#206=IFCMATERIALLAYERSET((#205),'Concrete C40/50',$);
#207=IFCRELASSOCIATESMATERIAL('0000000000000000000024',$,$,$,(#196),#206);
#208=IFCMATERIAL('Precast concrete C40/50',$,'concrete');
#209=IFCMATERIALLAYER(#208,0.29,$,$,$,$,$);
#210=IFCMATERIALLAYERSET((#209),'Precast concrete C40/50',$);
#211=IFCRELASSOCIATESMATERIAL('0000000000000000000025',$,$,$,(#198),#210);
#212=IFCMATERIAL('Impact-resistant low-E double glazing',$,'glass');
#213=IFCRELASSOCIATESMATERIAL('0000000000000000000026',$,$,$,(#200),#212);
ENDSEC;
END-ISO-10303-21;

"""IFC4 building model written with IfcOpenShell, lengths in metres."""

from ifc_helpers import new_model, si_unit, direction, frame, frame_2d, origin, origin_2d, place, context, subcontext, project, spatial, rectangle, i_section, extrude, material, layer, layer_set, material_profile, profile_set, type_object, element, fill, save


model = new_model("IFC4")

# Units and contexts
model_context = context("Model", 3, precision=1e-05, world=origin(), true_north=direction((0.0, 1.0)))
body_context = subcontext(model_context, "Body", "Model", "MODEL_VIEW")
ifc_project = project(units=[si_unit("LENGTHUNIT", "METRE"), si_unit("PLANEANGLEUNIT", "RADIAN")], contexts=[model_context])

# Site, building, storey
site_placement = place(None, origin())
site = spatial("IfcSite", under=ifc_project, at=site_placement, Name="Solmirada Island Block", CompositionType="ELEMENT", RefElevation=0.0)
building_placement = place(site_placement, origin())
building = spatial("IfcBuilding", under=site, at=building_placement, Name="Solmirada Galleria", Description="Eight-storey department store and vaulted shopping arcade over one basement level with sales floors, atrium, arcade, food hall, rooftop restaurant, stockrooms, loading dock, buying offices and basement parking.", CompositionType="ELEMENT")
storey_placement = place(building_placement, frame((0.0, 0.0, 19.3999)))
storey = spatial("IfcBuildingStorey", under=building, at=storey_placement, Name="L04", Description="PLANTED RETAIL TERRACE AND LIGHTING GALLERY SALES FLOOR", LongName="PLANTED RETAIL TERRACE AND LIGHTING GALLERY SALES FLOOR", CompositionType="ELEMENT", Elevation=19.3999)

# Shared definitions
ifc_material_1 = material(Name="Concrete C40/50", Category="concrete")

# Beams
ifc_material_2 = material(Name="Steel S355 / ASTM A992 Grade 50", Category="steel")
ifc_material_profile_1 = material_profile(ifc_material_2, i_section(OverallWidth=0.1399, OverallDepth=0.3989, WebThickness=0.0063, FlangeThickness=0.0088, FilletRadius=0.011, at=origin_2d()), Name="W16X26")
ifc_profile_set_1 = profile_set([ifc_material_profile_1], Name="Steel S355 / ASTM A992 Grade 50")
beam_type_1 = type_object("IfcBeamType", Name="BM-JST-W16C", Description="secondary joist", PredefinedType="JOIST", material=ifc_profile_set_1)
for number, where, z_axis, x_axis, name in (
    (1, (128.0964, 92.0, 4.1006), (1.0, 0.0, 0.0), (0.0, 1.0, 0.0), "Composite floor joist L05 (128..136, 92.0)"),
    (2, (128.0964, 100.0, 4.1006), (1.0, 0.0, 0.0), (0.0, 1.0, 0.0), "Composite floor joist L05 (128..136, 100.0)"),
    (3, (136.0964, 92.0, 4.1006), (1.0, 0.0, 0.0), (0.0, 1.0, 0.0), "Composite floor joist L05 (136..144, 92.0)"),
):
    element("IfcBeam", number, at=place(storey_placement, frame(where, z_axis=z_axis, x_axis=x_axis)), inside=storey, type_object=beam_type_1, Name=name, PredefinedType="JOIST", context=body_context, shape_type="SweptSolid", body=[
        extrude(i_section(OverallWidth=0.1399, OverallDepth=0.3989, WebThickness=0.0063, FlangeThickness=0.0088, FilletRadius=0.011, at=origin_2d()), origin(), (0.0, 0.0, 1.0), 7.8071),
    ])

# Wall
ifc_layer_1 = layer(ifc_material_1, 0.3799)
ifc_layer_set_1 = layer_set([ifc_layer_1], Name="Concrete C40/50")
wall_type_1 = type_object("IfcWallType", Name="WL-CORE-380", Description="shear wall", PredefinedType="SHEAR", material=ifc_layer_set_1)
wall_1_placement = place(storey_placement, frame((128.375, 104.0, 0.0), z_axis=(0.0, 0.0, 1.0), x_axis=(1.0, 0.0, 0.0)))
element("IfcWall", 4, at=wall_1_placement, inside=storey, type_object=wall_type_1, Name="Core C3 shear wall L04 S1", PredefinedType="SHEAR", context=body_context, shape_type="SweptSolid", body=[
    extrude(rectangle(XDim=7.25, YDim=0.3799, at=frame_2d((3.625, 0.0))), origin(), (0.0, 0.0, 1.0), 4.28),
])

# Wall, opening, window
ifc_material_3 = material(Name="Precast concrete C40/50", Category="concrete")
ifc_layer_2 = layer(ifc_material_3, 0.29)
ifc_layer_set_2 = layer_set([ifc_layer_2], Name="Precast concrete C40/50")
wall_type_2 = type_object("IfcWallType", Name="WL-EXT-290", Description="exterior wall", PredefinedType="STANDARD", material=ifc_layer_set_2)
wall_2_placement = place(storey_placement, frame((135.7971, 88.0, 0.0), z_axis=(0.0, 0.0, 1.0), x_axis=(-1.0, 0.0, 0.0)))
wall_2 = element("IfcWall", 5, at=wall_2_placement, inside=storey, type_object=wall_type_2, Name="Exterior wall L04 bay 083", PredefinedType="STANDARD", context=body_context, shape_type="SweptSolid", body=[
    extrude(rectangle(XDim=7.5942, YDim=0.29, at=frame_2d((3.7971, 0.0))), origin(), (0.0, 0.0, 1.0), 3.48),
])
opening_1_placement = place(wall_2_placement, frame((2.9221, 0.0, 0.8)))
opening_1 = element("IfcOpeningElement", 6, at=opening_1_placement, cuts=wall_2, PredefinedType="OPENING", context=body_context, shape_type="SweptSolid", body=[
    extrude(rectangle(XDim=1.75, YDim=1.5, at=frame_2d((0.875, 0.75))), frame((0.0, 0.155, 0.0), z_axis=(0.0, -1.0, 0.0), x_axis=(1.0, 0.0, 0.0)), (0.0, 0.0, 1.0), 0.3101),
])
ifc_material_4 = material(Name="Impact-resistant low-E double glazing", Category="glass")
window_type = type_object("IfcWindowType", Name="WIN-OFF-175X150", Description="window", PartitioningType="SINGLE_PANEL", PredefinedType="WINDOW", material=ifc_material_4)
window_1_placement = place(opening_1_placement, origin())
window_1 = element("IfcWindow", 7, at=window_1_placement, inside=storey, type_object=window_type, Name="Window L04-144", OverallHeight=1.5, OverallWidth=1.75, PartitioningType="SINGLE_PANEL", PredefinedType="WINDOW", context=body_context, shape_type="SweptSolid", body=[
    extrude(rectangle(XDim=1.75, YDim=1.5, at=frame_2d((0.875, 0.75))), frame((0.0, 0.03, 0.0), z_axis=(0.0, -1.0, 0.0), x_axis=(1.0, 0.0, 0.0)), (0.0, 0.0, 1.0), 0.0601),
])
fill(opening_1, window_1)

What to work on: Copy out the entries above exactly as given, starting at the top and ending with the line containing "frame((0.0, 0.0, 19.3999)))"; include both and nothing more.

Written response:
#206=IFCMATERIALLAYERSET((#205),'Concrete C40/50',$);
#207=IFCRELASSOCIATESMATERIAL('0000000000000000000024',$,$,$,(#196),#206);
#208=IFCMATERIAL('Precast concrete C40/50',$,'concrete');
#209=IFCMATERIALLAYER(#208,0.29,$,$,$,$,$);
#210=IFCMATERIALLAYERSET((#209),'Precast concrete C40/50',$);
#211=IFCRELASSOCIATESMATERIAL('0000000000000000000025',$,$,$,(#198),#210);
#212=IFCMATERIAL('Impact-resistant low-E double glazing',$,'glass');
#213=IFCRELASSOCIATESMATERIAL('0000000000000000000026',$,$,$,(#200),#212);
ENDSEC;
END-ISO-10303-21;

"""IFC4 building model written with IfcOpenShell, lengths in metres."""

from ifc_helpers import new_model, si_unit, direction, frame, frame_2d, origin, origin_2d, place, context, subcontext, project, spatial, rectangle, i_section, extrude, material, layer, layer_set, material_profile, profile_set, type_object, element, fill, save


model = new_model("IFC4")

# Units and contexts
model_context = context("Model", 3, precision=1e-05, world=origin(), true_north=direction((0.0, 1.0)))
body_context = subcontext(model_context, "Body", "Model", "MODEL_VIEW")
ifc_project = project(units=[si_unit("LENGTHUNIT", "METRE"), si_unit("PLANEANGLEUNIT", "RADIAN")], contexts=[model_context])

# Site, building, storey
site_placement = place(None, origin())
site = spatial("IfcSite", under=ifc_project, at=site_placement, Name="Solmirada Island Block", CompositionType="ELEMENT", RefElevation=0.0)
building_placement = place(site_placement, origin())
building = spatial("IfcBuilding", under=site, at=building_placement, Name="Solmirada Galleria", Description="Eight-storey department store and vaulted shopping arcade over one basement level with sales floors, atrium, arcade, food hall, rooftop restaurant, stockrooms, loading dock, buying offices and basement parking.", CompositionType="ELEMENT")
storey_placement = place(building_placement, frame((0.0, 0.0, 19.3999)))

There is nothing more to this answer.